SUPPLIED RECORDS:
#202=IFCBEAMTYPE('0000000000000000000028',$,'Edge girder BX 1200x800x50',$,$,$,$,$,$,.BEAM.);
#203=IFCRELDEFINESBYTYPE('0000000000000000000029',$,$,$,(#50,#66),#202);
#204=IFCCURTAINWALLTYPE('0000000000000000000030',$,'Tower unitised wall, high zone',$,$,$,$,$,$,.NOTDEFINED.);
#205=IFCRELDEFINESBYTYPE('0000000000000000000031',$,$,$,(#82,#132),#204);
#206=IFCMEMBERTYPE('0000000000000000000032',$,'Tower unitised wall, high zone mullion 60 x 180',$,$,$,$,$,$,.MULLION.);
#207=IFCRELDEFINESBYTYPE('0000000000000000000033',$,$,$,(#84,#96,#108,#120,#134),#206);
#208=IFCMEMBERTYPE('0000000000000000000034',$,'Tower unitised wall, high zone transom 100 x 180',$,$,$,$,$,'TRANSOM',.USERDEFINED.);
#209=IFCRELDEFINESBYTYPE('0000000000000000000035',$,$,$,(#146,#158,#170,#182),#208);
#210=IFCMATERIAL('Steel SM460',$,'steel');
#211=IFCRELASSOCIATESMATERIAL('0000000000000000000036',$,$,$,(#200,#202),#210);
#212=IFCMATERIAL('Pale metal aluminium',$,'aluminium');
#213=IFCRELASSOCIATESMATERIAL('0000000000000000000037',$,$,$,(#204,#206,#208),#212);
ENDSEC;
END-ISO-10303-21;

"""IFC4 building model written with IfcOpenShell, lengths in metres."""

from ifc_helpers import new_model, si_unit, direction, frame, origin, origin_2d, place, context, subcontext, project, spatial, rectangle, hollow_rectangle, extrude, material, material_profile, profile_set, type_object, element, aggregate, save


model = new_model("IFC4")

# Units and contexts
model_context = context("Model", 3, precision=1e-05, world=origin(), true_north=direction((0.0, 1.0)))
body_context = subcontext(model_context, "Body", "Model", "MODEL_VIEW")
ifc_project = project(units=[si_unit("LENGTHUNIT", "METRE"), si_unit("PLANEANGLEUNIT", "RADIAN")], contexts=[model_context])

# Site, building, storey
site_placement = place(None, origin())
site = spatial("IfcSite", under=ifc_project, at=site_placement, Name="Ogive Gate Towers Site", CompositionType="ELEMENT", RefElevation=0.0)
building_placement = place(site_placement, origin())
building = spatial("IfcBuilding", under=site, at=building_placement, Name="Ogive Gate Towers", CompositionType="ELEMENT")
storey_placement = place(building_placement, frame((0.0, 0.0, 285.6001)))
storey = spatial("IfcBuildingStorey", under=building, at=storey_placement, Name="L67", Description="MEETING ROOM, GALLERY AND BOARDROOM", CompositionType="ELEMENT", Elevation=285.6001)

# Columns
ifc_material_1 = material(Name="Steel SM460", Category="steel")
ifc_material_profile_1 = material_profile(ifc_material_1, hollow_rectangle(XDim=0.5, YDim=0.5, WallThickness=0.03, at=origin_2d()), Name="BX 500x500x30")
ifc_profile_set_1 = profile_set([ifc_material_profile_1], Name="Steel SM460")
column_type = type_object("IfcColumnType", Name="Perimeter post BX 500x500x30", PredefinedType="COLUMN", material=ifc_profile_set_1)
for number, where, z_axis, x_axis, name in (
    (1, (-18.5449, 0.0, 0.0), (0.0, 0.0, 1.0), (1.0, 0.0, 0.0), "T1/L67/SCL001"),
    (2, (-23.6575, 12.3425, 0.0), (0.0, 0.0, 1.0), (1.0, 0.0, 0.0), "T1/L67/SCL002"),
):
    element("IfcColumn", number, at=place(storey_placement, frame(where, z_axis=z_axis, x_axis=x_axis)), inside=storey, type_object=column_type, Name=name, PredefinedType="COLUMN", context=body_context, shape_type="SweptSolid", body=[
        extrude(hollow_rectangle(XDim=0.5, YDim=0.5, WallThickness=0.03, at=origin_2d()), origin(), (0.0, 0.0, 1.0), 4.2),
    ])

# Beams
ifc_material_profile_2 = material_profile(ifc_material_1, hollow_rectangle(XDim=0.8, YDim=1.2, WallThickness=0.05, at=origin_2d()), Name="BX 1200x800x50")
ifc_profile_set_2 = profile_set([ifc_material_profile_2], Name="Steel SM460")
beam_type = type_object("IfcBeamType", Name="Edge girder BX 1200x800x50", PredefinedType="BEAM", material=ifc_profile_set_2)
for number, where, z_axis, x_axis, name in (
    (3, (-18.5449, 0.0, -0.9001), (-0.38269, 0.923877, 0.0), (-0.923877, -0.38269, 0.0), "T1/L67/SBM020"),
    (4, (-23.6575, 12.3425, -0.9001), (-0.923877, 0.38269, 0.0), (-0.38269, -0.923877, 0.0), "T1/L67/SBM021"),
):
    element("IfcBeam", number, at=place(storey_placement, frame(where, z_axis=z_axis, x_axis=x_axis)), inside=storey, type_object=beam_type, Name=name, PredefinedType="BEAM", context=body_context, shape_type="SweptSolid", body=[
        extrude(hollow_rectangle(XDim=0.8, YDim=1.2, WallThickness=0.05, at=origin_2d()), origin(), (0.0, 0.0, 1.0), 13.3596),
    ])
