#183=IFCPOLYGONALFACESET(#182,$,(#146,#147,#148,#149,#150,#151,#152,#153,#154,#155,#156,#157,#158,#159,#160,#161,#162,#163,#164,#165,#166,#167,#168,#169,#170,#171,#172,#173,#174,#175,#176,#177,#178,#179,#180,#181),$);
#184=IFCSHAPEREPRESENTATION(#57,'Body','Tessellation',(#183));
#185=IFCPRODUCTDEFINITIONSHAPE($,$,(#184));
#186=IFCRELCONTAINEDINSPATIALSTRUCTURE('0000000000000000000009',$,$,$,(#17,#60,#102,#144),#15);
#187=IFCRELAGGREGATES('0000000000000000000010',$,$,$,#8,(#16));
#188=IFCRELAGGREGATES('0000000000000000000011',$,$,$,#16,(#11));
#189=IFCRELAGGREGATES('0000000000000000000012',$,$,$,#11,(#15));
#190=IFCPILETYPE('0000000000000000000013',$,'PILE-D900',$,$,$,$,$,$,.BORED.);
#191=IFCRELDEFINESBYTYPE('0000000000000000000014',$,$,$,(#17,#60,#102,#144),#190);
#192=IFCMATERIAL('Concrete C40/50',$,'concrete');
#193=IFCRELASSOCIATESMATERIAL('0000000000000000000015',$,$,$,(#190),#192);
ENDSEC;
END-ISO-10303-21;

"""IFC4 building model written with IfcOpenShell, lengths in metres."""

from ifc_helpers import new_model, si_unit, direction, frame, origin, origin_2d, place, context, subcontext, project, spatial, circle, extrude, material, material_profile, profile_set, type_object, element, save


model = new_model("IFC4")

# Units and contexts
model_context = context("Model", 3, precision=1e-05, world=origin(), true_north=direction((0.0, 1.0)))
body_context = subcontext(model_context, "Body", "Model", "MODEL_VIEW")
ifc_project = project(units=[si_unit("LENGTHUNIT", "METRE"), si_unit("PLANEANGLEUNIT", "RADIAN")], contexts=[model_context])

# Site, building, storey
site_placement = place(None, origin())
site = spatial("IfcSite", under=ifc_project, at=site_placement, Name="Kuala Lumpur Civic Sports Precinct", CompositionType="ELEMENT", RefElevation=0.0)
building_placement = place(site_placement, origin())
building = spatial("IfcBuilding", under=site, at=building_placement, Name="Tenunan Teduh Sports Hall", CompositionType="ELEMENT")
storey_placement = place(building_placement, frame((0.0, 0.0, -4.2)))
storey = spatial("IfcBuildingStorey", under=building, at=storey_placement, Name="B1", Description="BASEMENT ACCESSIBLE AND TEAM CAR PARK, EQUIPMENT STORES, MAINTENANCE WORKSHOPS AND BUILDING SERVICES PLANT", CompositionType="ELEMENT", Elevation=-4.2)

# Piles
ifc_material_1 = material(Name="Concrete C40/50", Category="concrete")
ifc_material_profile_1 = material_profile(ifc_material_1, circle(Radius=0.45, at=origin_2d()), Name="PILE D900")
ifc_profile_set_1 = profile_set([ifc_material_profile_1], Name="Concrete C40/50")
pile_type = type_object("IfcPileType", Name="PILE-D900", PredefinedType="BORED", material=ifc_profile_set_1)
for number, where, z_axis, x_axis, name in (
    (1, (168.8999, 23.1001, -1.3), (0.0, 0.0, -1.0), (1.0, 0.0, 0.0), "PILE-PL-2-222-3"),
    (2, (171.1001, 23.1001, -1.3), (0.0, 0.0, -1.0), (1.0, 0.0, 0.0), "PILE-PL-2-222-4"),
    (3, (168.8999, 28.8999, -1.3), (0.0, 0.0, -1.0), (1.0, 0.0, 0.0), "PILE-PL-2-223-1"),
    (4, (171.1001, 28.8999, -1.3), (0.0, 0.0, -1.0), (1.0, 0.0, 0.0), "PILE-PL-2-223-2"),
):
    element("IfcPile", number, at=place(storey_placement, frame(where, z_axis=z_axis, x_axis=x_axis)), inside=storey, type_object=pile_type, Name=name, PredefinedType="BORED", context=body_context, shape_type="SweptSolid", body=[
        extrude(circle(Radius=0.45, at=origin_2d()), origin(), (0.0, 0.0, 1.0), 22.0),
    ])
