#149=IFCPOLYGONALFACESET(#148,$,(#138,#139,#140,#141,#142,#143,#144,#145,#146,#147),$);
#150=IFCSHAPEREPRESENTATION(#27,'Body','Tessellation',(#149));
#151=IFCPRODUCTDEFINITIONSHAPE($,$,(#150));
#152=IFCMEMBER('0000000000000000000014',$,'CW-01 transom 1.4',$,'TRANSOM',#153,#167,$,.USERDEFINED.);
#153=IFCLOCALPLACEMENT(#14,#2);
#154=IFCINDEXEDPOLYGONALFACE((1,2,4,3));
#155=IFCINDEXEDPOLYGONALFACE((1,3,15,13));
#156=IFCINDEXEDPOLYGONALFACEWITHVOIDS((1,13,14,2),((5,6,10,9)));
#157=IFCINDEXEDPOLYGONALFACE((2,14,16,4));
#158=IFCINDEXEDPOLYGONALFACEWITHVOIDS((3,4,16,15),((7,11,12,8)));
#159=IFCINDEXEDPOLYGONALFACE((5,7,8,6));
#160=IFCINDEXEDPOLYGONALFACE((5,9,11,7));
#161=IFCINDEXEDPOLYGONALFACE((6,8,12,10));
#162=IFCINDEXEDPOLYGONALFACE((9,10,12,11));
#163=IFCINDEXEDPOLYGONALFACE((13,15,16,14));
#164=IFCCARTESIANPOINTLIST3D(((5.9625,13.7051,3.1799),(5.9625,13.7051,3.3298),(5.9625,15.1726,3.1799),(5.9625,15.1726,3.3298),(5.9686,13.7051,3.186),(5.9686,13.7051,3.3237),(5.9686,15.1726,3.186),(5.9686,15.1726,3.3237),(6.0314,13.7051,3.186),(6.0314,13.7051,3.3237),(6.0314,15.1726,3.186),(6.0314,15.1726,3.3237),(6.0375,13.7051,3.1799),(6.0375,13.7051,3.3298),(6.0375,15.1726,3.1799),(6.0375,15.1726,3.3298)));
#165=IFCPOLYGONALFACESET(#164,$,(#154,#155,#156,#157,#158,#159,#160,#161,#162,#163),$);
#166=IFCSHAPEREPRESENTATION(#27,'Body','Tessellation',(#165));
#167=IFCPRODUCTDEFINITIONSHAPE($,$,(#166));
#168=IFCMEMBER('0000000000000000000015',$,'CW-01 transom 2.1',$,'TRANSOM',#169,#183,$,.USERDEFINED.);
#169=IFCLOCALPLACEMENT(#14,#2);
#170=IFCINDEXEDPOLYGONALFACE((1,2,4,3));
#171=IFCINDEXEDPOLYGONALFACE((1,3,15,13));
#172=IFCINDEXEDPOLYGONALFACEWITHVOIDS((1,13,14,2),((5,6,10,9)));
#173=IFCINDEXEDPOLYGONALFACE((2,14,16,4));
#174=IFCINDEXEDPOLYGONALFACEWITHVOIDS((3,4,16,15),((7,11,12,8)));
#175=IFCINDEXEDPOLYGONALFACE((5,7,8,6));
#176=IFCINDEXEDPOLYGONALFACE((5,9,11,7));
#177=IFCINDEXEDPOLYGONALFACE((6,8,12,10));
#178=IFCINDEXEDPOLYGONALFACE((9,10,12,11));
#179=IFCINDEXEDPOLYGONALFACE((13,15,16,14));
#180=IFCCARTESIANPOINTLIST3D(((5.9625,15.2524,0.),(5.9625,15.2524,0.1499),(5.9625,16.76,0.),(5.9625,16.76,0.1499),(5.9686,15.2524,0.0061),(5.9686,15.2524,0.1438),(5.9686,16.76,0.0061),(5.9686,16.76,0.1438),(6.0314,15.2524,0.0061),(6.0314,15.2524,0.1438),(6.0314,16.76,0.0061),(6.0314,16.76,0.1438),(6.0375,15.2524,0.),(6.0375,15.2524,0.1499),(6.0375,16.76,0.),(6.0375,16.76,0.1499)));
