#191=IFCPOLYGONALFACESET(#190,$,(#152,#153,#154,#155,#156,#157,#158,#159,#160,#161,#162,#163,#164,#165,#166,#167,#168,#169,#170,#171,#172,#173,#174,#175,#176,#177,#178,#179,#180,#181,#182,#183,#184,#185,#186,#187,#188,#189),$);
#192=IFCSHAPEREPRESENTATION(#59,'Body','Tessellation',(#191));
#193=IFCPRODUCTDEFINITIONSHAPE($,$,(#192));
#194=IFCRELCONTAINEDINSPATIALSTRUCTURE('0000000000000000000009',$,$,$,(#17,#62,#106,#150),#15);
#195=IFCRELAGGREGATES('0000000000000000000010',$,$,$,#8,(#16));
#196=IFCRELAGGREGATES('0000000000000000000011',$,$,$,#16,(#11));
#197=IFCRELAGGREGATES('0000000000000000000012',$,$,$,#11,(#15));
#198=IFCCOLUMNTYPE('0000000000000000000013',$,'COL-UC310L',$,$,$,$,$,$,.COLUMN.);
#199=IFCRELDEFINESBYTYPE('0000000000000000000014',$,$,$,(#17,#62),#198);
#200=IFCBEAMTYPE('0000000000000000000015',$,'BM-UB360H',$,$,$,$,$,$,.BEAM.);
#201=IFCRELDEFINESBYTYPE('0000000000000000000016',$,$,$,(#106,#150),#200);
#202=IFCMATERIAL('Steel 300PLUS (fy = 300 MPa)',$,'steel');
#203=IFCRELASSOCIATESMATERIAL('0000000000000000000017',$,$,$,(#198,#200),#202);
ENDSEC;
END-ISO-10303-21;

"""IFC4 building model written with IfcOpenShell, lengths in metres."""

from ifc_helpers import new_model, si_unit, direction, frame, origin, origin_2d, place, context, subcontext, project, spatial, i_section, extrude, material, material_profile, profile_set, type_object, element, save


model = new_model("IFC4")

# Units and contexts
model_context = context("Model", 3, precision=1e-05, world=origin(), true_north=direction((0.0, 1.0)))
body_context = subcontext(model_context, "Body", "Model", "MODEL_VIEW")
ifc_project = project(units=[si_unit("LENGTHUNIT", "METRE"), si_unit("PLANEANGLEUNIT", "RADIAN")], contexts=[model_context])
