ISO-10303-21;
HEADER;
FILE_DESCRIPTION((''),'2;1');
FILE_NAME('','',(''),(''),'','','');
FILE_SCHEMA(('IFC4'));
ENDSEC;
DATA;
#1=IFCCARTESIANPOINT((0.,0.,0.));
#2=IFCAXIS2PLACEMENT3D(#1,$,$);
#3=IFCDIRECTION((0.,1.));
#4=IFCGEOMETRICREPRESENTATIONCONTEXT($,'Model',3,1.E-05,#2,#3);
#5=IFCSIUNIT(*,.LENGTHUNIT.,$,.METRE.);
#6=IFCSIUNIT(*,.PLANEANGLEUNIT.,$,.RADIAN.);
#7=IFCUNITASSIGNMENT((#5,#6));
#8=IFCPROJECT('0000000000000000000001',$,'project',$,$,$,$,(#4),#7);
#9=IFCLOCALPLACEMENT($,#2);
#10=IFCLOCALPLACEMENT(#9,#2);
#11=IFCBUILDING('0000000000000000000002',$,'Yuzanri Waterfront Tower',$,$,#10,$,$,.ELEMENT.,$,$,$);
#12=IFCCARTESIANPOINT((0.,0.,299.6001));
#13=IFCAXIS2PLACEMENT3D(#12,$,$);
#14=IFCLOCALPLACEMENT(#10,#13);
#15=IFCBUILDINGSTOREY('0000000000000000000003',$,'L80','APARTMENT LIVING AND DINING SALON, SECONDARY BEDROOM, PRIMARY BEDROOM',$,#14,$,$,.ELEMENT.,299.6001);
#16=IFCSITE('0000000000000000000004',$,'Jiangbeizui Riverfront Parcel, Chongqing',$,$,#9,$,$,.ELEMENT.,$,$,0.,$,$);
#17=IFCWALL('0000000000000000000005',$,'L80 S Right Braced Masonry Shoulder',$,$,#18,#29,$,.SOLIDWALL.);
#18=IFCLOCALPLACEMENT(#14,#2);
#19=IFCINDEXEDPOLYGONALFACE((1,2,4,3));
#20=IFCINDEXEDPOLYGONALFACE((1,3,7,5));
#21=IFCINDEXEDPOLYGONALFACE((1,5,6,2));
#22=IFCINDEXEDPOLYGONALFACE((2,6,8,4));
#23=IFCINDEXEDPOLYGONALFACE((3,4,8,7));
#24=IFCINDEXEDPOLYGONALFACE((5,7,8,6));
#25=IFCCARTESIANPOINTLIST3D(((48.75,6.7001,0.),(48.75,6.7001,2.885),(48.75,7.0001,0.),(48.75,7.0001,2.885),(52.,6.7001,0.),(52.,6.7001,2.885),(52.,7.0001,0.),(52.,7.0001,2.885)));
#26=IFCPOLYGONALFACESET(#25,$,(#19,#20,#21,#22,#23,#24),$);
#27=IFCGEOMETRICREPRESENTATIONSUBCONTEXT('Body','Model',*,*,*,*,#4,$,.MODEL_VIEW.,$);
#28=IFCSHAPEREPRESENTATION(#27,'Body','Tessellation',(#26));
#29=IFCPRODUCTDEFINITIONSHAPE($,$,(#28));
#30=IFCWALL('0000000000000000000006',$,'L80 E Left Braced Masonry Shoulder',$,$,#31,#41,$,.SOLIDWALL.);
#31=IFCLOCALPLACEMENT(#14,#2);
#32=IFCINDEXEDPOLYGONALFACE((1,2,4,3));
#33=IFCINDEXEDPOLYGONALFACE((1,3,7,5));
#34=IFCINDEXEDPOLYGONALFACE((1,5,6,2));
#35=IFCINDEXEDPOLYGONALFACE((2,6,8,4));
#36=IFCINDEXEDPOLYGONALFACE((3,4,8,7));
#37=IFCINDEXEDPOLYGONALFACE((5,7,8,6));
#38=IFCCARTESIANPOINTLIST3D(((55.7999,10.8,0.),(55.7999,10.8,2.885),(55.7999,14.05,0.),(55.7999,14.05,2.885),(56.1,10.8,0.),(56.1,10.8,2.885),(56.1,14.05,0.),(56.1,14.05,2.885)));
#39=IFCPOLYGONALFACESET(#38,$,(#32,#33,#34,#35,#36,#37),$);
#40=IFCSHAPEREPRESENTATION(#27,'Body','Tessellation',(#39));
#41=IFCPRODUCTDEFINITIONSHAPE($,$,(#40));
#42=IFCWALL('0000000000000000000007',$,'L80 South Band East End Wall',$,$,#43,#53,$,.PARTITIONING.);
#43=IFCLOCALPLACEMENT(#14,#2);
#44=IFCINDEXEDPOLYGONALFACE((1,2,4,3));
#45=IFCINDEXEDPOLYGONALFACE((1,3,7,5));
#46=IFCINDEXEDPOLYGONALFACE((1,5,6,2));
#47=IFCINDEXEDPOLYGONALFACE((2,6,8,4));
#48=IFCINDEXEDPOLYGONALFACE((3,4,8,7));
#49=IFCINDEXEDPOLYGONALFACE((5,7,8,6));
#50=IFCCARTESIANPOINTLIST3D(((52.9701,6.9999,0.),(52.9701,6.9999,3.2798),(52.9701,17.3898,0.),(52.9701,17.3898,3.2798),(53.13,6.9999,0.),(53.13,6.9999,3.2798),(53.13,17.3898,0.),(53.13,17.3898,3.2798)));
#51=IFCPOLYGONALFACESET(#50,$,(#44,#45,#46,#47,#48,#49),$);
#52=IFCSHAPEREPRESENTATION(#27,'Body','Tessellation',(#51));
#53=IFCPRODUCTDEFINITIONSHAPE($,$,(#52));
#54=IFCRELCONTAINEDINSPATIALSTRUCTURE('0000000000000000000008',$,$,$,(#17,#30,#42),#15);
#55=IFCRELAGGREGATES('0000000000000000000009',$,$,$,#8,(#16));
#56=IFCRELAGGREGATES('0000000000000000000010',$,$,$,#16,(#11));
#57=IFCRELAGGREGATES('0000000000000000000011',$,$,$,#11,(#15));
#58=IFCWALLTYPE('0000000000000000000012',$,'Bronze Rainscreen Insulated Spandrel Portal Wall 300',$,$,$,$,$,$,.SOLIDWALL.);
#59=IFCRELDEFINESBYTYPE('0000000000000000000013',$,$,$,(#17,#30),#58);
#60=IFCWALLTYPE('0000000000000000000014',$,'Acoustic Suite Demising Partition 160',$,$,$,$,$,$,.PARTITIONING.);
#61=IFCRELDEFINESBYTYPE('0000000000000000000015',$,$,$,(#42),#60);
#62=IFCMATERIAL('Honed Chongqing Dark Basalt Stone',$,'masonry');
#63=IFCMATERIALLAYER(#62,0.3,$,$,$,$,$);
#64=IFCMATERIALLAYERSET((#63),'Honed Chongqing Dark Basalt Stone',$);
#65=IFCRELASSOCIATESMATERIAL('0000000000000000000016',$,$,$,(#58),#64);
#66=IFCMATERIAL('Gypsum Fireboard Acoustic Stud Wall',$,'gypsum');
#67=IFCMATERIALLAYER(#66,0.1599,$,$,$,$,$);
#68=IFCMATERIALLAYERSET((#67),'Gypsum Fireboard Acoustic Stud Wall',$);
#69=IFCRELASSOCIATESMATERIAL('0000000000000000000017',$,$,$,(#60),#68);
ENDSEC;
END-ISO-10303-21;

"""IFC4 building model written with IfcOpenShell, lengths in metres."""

from ifc_helpers import new_model, si_unit, direction, frame, frame_2d, origin, place, context, subcontext, project, spatial, rectangle, extrude, source, transform, mapped, material, layer, layer_set, type_object, element, save


model = new_model("IFC4")

# Units and contexts
model_context = context("Model", 3, precision=1e-05, world=origin(), true_north=direction((0.0, 1.0)))
body_context = subcontext(model_context, "Body", "Model", "MODEL_VIEW")
ifc_project = project(units=[si_unit("LENGTHUNIT", "METRE"), si_unit("PLANEANGLEUNIT", "RADIAN")], contexts=[model_context])

# Site, building, storey
site_placement = place(None, origin())
site = spatial("IfcSite", under=ifc_project, at=site_placement, Name="Jiangbeizui Riverfront Parcel, Chongqing", CompositionType="ELEMENT", RefElevation=0.0)
building_placement = place(site_placement, origin())
building = spatial("IfcBuilding", under=site, at=building_placement, Name="Yuzanri Waterfront Tower", CompositionType="ELEMENT")
storey_placement = place(building_placement, frame((0.0, 0.0, 299.6001)))
storey = spatial("IfcBuildingStorey", under=building, at=storey_placement, Name="L80", Description="APARTMENT LIVING AND DINING SALON, SECONDARY BEDROOM, PRIMARY BEDROOM", CompositionType="ELEMENT", Elevation=299.6001)

# Shared definitions
ifc_material_1 = material(Name="Honed Chongqing Dark Basalt Stone", Category="masonry")
ifc_layer_1 = layer(ifc_material_1, 0.3)
ifc_layer_set_1 = layer_set([ifc_layer_1], Name="Honed Chongqing Dark Basalt Stone")
wall_type_1 = type_object("IfcWallType", Name="Bronze Rainscreen Insulated Spandrel Portal Wall 300", PredefinedType="SOLIDWALL", material=ifc_layer_set_1)

# Walls
shared_shape_1 = source(origin(), body_context, "Body", "SweptSolid", [
    extrude(rectangle(XDim=3.25, YDim=0.3, at=frame_2d((1.625, 0.0))), origin(), (0.0, 0.0, 1.0), 2.885),
])
for number, where, z_axis, x_axis, name in (
    (1, (48.75, 6.8501, 0.0), (0.0, 0.0, 1.0), (1.0, 0.0, 0.0), "L80 S Right Braced Masonry Shoulder"),
    (2, (55.95, 10.8, 0.0), (0.0, 0.0, 1.0), (0.0, 1.0, 0.0), "L80 E Left Braced Masonry Shoulder"),
):
    element("IfcWall", number, at=place(storey_placement, frame(where, z_axis=z_axis, x_axis=x_axis)), inside=storey, type_object=wall_type_1, Name=name, PredefinedType="SOLIDWALL", context=body_context, shape_type="MappedRepresentation", body=[
        mapped(shared_shape_1, transform((0.0, 0.0, 0.0), scale=1.0)),
    ])
ifc_material_2 = material(Name="Gypsum Fireboard Acoustic Stud Wall", Category="gypsum")
ifc_layer_2 = layer(ifc_material_2, 0.1599)
ifc_layer_set_2 = layer_set([ifc_layer_2], Name="Gypsum Fireboard Acoustic Stud Wall")
wall_type_2 = type_object("IfcWallType", Name="Acoustic Suite Demising Partition 160", PredefinedType="PARTITIONING", material=ifc_layer_set_2)
shared_shape_2 = source(origin(), body_context, "Body", "SweptSolid", [
    extrude(rectangle(XDim=10.3899, YDim=0.1599, at=frame_2d((5.1948, 0.0))), origin(), (0.0, 0.0, 1.0), 3.2798),
])
wall_1_placement = place(storey_placement, frame((53.05, 7.0, 0.0), z_axis=(0.0, 0.0, 1.0), x_axis=(0.0, 1.0, 0.0)))
element("IfcWall", 3, at=wall_1_placement, inside=storey, type_object=wall_type_2, Name="L80 South Band East End Wall", PredefinedType="PARTITIONING", context=body_context, shape_type="MappedRepresentation", body=[
    mapped(shared_shape_2, transform((0.0, 0.0, 0.0), scale=1.0)),
])

save(model, "model.ifc")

ACTIVITY: Please copy out each line of the material that contains the string "IFCSIUNIT".

SOLVED EXERCISE:
#5=IFCSIUNIT(*,.LENGTHUNIT.,$,.METRE.);
#6=IFCSIUNIT(*,.PLANEANGLEUNIT.,$,.RADIAN.);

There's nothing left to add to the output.